Print out every record exactly as it appears.

[[ DATA SECTION, beginning ]]

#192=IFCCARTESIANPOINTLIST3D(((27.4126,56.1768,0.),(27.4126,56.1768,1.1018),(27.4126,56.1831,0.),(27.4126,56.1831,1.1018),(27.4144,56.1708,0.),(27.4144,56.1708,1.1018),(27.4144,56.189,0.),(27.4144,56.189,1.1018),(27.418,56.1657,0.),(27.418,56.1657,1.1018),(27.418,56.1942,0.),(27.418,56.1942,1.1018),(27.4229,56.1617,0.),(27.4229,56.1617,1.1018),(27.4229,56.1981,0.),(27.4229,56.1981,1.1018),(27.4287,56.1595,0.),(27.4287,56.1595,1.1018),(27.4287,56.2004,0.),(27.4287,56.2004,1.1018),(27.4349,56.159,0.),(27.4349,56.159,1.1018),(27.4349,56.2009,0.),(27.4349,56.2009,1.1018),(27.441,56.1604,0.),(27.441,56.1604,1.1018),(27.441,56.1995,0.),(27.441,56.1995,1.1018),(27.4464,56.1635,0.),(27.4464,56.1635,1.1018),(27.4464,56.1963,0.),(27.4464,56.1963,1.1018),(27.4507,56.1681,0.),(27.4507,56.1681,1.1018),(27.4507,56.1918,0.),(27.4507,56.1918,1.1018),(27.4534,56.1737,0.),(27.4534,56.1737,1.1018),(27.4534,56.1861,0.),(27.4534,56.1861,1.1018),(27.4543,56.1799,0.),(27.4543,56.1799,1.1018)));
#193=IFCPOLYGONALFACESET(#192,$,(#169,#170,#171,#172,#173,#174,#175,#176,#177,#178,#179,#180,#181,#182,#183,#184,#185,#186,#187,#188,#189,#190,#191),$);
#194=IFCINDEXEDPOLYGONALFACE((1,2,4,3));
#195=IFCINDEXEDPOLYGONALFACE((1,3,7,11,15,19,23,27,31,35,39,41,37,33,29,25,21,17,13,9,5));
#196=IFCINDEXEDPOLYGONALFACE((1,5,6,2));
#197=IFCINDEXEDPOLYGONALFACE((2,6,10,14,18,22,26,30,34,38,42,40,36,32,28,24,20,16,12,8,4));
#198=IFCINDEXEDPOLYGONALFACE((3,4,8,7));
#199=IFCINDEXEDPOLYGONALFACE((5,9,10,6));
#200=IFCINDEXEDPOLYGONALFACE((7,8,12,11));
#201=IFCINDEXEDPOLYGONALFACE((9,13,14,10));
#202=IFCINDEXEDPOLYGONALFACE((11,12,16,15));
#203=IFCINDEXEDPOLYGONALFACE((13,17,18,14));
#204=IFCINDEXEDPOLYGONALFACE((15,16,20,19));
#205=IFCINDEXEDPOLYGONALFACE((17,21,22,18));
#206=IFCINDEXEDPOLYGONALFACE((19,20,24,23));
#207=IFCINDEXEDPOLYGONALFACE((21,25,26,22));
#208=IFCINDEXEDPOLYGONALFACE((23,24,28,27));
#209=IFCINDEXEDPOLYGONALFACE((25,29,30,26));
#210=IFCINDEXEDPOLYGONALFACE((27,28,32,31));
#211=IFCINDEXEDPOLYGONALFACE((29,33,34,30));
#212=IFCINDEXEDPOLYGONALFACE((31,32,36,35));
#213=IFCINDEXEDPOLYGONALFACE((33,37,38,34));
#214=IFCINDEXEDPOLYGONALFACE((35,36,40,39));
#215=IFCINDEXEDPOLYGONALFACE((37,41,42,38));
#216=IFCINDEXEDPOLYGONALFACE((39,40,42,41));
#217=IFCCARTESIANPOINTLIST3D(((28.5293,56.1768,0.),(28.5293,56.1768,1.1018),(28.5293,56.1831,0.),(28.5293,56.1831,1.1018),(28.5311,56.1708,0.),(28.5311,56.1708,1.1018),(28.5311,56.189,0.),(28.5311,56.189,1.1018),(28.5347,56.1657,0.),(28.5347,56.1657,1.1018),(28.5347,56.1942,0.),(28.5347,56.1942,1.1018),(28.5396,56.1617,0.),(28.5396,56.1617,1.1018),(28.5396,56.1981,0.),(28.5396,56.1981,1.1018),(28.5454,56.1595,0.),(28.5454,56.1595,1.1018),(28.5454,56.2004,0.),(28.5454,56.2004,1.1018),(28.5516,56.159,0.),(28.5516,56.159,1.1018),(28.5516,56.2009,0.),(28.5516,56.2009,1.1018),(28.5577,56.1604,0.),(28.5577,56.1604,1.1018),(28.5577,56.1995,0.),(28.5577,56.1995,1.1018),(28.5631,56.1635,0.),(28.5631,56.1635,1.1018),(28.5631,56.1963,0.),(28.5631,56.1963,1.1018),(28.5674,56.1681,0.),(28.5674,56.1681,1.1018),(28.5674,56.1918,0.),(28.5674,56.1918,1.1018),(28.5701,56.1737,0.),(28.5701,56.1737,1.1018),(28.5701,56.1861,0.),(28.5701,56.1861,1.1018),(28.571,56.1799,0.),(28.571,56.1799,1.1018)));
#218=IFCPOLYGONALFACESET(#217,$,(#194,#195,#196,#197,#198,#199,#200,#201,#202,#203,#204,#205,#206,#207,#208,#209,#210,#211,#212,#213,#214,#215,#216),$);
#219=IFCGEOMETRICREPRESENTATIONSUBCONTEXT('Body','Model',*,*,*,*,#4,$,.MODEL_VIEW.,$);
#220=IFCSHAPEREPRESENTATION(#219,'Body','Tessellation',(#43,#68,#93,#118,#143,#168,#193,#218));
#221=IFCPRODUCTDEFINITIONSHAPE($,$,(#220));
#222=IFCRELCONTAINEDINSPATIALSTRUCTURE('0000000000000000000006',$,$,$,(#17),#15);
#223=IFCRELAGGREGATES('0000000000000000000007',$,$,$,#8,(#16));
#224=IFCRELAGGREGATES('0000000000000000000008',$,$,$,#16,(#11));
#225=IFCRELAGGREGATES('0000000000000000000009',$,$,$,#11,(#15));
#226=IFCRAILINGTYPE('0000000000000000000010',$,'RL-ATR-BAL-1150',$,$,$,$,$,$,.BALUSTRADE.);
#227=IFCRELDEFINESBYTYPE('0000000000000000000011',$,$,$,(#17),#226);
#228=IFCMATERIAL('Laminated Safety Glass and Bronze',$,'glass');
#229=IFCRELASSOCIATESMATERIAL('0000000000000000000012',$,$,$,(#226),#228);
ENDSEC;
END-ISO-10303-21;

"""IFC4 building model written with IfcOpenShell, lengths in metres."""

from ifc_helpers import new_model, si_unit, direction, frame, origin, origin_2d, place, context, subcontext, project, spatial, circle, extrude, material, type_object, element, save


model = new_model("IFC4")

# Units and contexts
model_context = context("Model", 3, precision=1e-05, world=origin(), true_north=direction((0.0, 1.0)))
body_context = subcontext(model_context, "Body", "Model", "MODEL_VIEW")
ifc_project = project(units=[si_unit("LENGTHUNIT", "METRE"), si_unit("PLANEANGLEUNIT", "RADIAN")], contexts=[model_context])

[[ DATA SECTION, end ]]

◆ RESULT:
#192=IFCCARTESIANPOINTLIST3D(((27.4126,56.1768,0.),(27.4126,56.1768,1.1018),(27.4126,56.1831,0.),(27.4126,56.1831,1.1018),(27.4144,56.1708,0.),(27.4144,56.1708,1.1018),(27.4144,56.189,0.),(27.4144,56.189,1.1018),(27.418,56.1657,0.),(27.418,56.1657,1.1018),(27.418,56.1942,0.),(27.418,56.1942,1.1018),(27.4229,56.1617,0.),(27.4229,56.1617,1.1018),(27.4229,56.1981,0.),(27.4229,56.1981,1.1018),(27.4287,56.1595,0.),(27.4287,56.1595,1.1018),(27.4287,56.2004,0.),(27.4287,56.2004,1.1018),(27.4349,56.159,0.),(27.4349,56.159,1.1018),(27.4349,56.2009,0.),(27.4349,56.2009,1.1018),(27.441,56.1604,0.),(27.441,56.1604,1.1018),(27.441,56.1995,0.),(27.441,56.1995,1.1018),(27.4464,56.1635,0.),(27.4464,56.1635,1.1018),(27.4464,56.1963,0.),(27.4464,56.1963,1.1018),(27.4507,56.1681,0.),(27.4507,56.1681,1.1018),(27.4507,56.1918,0.),(27.4507,56.1918,1.1018),(27.4534,56.1737,0.),(27.4534,56.1737,1.1018),(27.4534,56.1861,0.),(27.4534,56.1861,1.1018),(27.4543,56.1799,0.),(27.4543,56.1799,1.1018)));
#193=IFCPOLYGONALFACESET(#192,$,(#169,#170,#171,#172,#173,#174,#175,#176,#177,#178,#179,#180,#181,#182,#183,#184,#185,#186,#187,#188,#189,#190,#191),$);
#194=IFCINDEXEDPOLYGONALFACE((1,2,4,3));
#195=IFCINDEXEDPOLYGONALFACE((1,3,7,11,15,19,23,27,31,35,39,41,37,33,29,25,21,17,13,9,5));
#196=IFCINDEXEDPOLYGONALFACE((1,5,6,2));
#197=IFCINDEXEDPOLYGONALFACE((2,6,10,14,18,22,26,30,34,38,42,40,36,32,28,24,20,16,12,8,4));
#198=IFCINDEXEDPOLYGONALFACE((3,4,8,7));
#199=IFCINDEXEDPOLYGONALFACE((5,9,10,6));
#200=IFCINDEXEDPOLYGONALFACE((7,8,12,11));
#201=IFCINDEXEDPOLYGONALFACE((9,13,14,10));
#202=IFCINDEXEDPOLYGONALFACE((11,12,16,15));
#203=IFCINDEXEDPOLYGONALFACE((13,17,18,14));
#204=IFCINDEXEDPOLYGONALFACE((15,16,20,19));
#205=IFCINDEXEDPOLYGONALFACE((17,21,22,18));
#206=IFCINDEXEDPOLYGONALFACE((19,20,24,23));
#207=IFCINDEXEDPOLYGONALFACE((21,25,26,22));
#208=IFCINDEXEDPOLYGONALFACE((23,24,28,27));
#209=IFCINDEXEDPOLYGONALFACE((25,29,30,26));
#210=IFCINDEXEDPOLYGONALFACE((27,28,32,31));
#211=IFCINDEXEDPOLYGONALFACE((29,33,34,30));
#212=IFCINDEXEDPOLYGONALFACE((31,32,36,35));
#213=IFCINDEXEDPOLYGONALFACE((33,37,38,34));
#214=IFCINDEXEDPOLYGONALFACE((35,36,40,39));
#215=IFCINDEXEDPOLYGONALFACE((37,41,42,38));
#216=IFCINDEXEDPOLYGONALFACE((39,40,42,41));
#217=IFCCARTESIANPOINTLIST3D(((28.5293,56.1768,0.),(28.5293,56.1768,1.1018),(28.5293,56.1831,0.),(28.5293,56.1831,1.1018),(28.5311,56.1708,0.),(28.5311,56.1708,1.1018),(28.5311,56.189,0.),(28.5311,56.189,1.1018),(28.5347,56.1657,0.),(28.5347,56.1657,1.1018),(28.5347,56.1942,0.),(28.5347,56.1942,1.1018),(28.5396,56.1617,0.),(28.5396,56.1617,1.1018),(28.5396,56.1981,0.),(28.5396,56.1981,1.1018),(28.5454,56.1595,0.),(28.5454,56.1595,1.1018),(28.5454,56.2004,0.),(28.5454,56.2004,1.1018),(28.5516,56.159,0.),(28.5516,56.159,1.1018),(28.5516,56.2009,0.),(28.5516,56.2009,1.1018),(28.5577,56.1604,0.),(28.5577,56.1604,1.1018),(28.5577,56.1995,0.),(28.5577,56.1995,1.1018),(28.5631,56.1635,0.),(28.5631,56.1635,1.1018),(28.5631,56.1963,0.),(28.5631,56.1963,1.1018),(28.5674,56.1681,0.),(28.5674,56.1681,1.1018),(28.5674,56.1918,0.),(28.5674,56.1918,1.1018),(28.5701,56.1737,0.),(28.5701,56.1737,1.1018),(28.5701,56.1861,0.),(28.5701,56.1861,1.1018),(28.571,56.1799,0.),(28.571,56.1799,1.1018)));
#218=IFCPOLYGONALFACESET(#217,$,(#194,#195,#196,#197,#198,#199,#200,#201,#202,#203,#204,#205,#206,#207,#208,#209,#210,#211,#212,#213,#214,#215,#216),$);
#219=IFCGEOMETRICREPRESENTATIONSUBCONTEXT('Body','Model',*,*,*,*,#4,$,.MODEL_VIEW.,$);
#220=IFCSHAPEREPRESENTATION(#219,'Body','Tessellation',(#43,#68,#93,#118,#143,#168,#193,#218));
#221=IFCPRODUCTDEFINITIONSHAPE($,$,(#220));
#222=IFCRELCONTAINEDINSPATIALSTRUCTURE('0000000000000000000006',$,$,$,(#17),#15);
#223=IFCRELAGGREGATES('0000000000000000000007',$,$,$,#8,(#16));
#224=IFCRELAGGREGATES('0000000000000000000008',$,$,$,#16,(#11));
#225=IFCRELAGGREGATES('0000000000000000000009',$,$,$,#11,(#15));
#226=IFCRAILINGTYPE('0000000000000000000010',$,'RL-ATR-BAL-1150',$,$,$,$,$,$,.BALUSTRADE.);
#227=IFCRELDEFINESBYTYPE('0000000000000000000011',$,$,$,(#17),#226);
#228=IFCMATERIAL('Laminated Safety Glass and Bronze',$,'glass');
#229=IFCRELASSOCIATESMATERIAL('0000000000000000000012',$,$,$,(#226),#228);
ENDSEC;
END-ISO-10303-21;

"""IFC4 building model written with IfcOpenShell, lengths in metres."""

from ifc_helpers import new_model, si_unit, direction, frame, origin, origin_2d, place, context, subcontext, project, spatial, circle, extrude, material, type_object, element, save


model = new_model("IFC4")

# Units and contexts
model_context = context("Model", 3, precision=1e-05, world=origin(), true_north=direction((0.0, 1.0)))
body_context = subcontext(model_context, "Body", "Model", "MODEL_VIEW")
ifc_project = project(units=[si_unit("LENGTHUNIT", "METRE"), si_unit("PLANEANGLEUNIT", "RADIAN")], contexts=[model_context])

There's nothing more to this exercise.